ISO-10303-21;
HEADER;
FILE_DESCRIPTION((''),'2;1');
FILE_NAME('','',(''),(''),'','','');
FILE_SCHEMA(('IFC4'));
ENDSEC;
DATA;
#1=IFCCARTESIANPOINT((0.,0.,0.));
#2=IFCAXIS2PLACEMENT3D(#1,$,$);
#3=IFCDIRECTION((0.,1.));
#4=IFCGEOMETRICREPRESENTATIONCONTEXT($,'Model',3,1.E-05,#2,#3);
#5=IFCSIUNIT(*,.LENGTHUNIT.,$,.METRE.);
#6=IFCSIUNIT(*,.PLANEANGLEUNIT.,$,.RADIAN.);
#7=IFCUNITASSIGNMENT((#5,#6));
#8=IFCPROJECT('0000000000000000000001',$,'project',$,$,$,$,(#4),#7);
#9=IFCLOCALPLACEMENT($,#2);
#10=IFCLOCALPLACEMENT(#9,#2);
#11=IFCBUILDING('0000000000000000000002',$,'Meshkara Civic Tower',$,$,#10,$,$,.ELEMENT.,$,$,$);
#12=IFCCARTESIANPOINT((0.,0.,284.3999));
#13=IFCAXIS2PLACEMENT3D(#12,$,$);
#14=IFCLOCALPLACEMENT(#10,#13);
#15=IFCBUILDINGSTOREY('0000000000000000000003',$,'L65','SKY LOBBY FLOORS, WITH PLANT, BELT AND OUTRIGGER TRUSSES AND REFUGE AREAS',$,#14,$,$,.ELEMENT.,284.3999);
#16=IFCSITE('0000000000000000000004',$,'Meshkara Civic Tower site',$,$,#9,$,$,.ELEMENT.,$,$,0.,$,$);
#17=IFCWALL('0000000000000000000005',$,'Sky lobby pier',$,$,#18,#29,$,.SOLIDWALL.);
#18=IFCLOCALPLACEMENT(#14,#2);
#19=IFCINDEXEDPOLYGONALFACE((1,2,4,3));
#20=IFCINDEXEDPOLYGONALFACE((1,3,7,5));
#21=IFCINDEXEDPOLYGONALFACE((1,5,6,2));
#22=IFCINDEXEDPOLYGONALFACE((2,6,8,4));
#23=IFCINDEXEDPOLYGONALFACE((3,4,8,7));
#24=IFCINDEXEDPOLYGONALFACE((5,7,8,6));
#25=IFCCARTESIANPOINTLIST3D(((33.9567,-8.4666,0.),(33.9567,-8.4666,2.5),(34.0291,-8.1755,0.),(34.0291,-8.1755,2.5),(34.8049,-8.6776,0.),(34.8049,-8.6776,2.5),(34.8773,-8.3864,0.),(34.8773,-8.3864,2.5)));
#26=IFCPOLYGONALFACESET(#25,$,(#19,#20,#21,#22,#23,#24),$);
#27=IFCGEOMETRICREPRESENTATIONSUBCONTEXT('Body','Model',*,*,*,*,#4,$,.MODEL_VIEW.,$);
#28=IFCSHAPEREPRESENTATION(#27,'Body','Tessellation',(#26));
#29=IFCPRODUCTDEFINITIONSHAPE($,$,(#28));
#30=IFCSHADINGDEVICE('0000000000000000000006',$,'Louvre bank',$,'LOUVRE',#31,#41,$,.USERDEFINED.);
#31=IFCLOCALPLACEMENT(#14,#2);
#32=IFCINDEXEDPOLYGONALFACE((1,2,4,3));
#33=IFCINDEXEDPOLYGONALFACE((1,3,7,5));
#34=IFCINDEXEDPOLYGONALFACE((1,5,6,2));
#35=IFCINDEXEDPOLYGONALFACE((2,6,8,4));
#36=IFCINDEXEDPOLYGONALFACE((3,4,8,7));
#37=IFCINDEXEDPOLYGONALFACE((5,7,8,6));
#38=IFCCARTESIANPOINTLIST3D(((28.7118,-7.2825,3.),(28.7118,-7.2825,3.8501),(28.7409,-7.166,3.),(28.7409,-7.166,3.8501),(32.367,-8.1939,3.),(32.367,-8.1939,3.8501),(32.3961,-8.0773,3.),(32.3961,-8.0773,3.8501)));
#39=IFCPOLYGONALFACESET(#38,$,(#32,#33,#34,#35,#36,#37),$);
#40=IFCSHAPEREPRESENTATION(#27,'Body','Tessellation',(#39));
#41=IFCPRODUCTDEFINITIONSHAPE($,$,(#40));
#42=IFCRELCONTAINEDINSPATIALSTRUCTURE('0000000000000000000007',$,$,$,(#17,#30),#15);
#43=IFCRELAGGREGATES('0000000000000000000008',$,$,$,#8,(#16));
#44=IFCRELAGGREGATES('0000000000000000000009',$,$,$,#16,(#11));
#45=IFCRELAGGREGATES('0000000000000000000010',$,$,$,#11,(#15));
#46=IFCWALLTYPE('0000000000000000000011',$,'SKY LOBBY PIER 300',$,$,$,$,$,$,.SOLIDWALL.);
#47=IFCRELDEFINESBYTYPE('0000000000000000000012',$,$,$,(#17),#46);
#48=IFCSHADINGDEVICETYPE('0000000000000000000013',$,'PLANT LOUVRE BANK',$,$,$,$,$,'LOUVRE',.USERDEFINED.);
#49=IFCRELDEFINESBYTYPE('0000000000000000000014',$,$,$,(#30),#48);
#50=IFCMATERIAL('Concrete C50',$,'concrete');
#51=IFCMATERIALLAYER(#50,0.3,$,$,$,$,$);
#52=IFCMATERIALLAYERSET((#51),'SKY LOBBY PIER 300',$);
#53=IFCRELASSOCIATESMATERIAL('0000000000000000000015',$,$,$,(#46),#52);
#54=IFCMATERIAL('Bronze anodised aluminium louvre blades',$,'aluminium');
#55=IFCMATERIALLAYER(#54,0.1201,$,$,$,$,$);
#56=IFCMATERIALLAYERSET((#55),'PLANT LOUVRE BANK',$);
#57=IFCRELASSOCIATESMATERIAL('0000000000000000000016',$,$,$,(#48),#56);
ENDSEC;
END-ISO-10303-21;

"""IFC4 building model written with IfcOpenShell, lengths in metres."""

from ifc_helpers import new_model, si_unit, direction, frame, frame_2d, origin, origin_2d, place, context, subcontext, project, spatial, rectangle, extrude, material, layer, layer_set, type_object, element, save


model = new_model("IFC4")

# Units and contexts
model_context = context("Model", 3, precision=1e-05, world=origin(), true_north=direction((0.0, 1.0)))
body_context = subcontext(model_context, "Body", "Model", "MODEL_VIEW")
ifc_project = project(units=[si_unit("LENGTHUNIT", "METRE"), si_unit("PLANEANGLEUNIT", "RADIAN")], contexts=[model_context])

# Site, building, storey
site_placement = place(None, origin())
site = spatial("IfcSite", under=ifc_project, at=site_placement, Name="Meshkara Civic Tower site", CompositionType="ELEMENT", RefElevation=0.0)
building_placement = place(site_placement, origin())
building = spatial("IfcBuilding", under=site, at=building_placement, Name="Meshkara Civic Tower", CompositionType="ELEMENT")
storey_placement = place(building_placement, frame((0.0, 0.0, 284.3999)))
storey = spatial("IfcBuildingStorey", under=building, at=storey_placement, Name="L65", Description="SKY LOBBY FLOORS, WITH PLANT, BELT AND OUTRIGGER TRUSSES AND REFUGE AREAS", CompositionType="ELEMENT", Elevation=284.3999)

# Wall
ifc_material_1 = material(Name="Concrete C50", Category="concrete")
ifc_layer_1 = layer(ifc_material_1, 0.3)
ifc_layer_set_1 = layer_set([ifc_layer_1], Name="SKY LOBBY PIER 300")
wall_type_1 = type_object("IfcWallType", Name="SKY LOBBY PIER 300", PredefinedType="SOLIDWALL", material=ifc_layer_set_1)
wall_1_placement = place(storey_placement, frame((33.9929, -8.321, 0.0), z_axis=(0.0, 0.0, 1.0), x_axis=(0.970438, -0.241352, 0.0)))
element("IfcWall", 1, at=wall_1_placement, inside=storey, type_object=wall_type_1, Name="Sky lobby pier", PredefinedType="SOLIDWALL", context=body_context, shape_type="SweptSolid", body=[
    extrude(rectangle(XDim=0.874, YDim=0.3, at=frame_2d((0.437, 0.0))), origin(), (0.0, 0.0, 1.0), 2.5),
])

# Shading device
ifc_material_2 = material(Name="Bronze anodised aluminium louvre blades", Category="aluminium")
ifc_layer_2 = layer(ifc_material_2, 0.1201)
ifc_layer_set_2 = layer_set([ifc_layer_2], Name="PLANT LOUVRE BANK")
shading_device_type = type_object("IfcShadingDeviceType", Name="PLANT LOUVRE BANK", ElementType="LOUVRE", PredefinedType="USERDEFINED", material=ifc_layer_set_2)
shading_device_placement = place(storey_placement, frame((30.554, -7.6799, 3.0), z_axis=(0.0, 0.0, 1.0), x_axis=(0.970296, -0.241922, 0.0)))
element("IfcShadingDevice", 2, at=shading_device_placement, inside=storey, type_object=shading_device_type, Name="Louvre bank", ObjectType="LOUVRE", PredefinedType="USERDEFINED", context=body_context, shape_type="SweptSolid", body=[
    extrude(rectangle(XDim=3.7671, YDim=0.1201, at=origin_2d()), origin(), (0.0, 0.0, 1.0), 0.8501),
])

save(model, "model.ifc")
□ □ □ □ □
# [ASSIGNMENT]
Repeat, exactly as they stand above, the lines from the line with "#28=IFCSHAPEREPRESENTATION(#27,'Body','Tessellation',(#26));" to the line with "#44=IFCRELAGGREGATES('0000000000000000000009',$,$,$,#16,(#11));", both lines included.

# [OUTPUT OF THE EXERCISE]
#28=IFCSHAPEREPRESENTATION(#27,'Body','Tessellation',(#26));
#29=IFCPRODUCTDEFINITIONSHAPE($,$,(#28));
#30=IFCSHADINGDEVICE('0000000000000000000006',$,'Louvre bank',$,'LOUVRE',#31,#41,$,.USERDEFINED.);
#31=IFCLOCALPLACEMENT(#14,#2);
#32=IFCINDEXEDPOLYGONALFACE((1,2,4,3));
#33=IFCINDEXEDPOLYGONALFACE((1,3,7,5));
#34=IFCINDEXEDPOLYGONALFACE((1,5,6,2));
#35=IFCINDEXEDPOLYGONALFACE((2,6,8,4));
#36=IFCINDEXEDPOLYGONALFACE((3,4,8,7));
#37=IFCINDEXEDPOLYGONALFACE((5,7,8,6));
#38=IFCCARTESIANPOINTLIST3D(((28.7118,-7.2825,3.),(28.7118,-7.2825,3.8501),(28.7409,-7.166,3.),(28.7409,-7.166,3.8501),(32.367,-8.1939,3.),(32.367,-8.1939,3.8501),(32.3961,-8.0773,3.),(32.3961,-8.0773,3.8501)));
#39=IFCPOLYGONALFACESET(#38,$,(#32,#33,#34,#35,#36,#37),$);
#40=IFCSHAPEREPRESENTATION(#27,'Body','Tessellation',(#39));
#41=IFCPRODUCTDEFINITIONSHAPE($,$,(#40));
#42=IFCRELCONTAINEDINSPATIALSTRUCTURE('0000000000000000000007',$,$,$,(#17,#30),#15);
#43=IFCRELAGGREGATES('0000000000000000000008',$,$,$,#8,(#16));
#44=IFCRELAGGREGATES('0000000000000000000009',$,$,$,#16,(#11));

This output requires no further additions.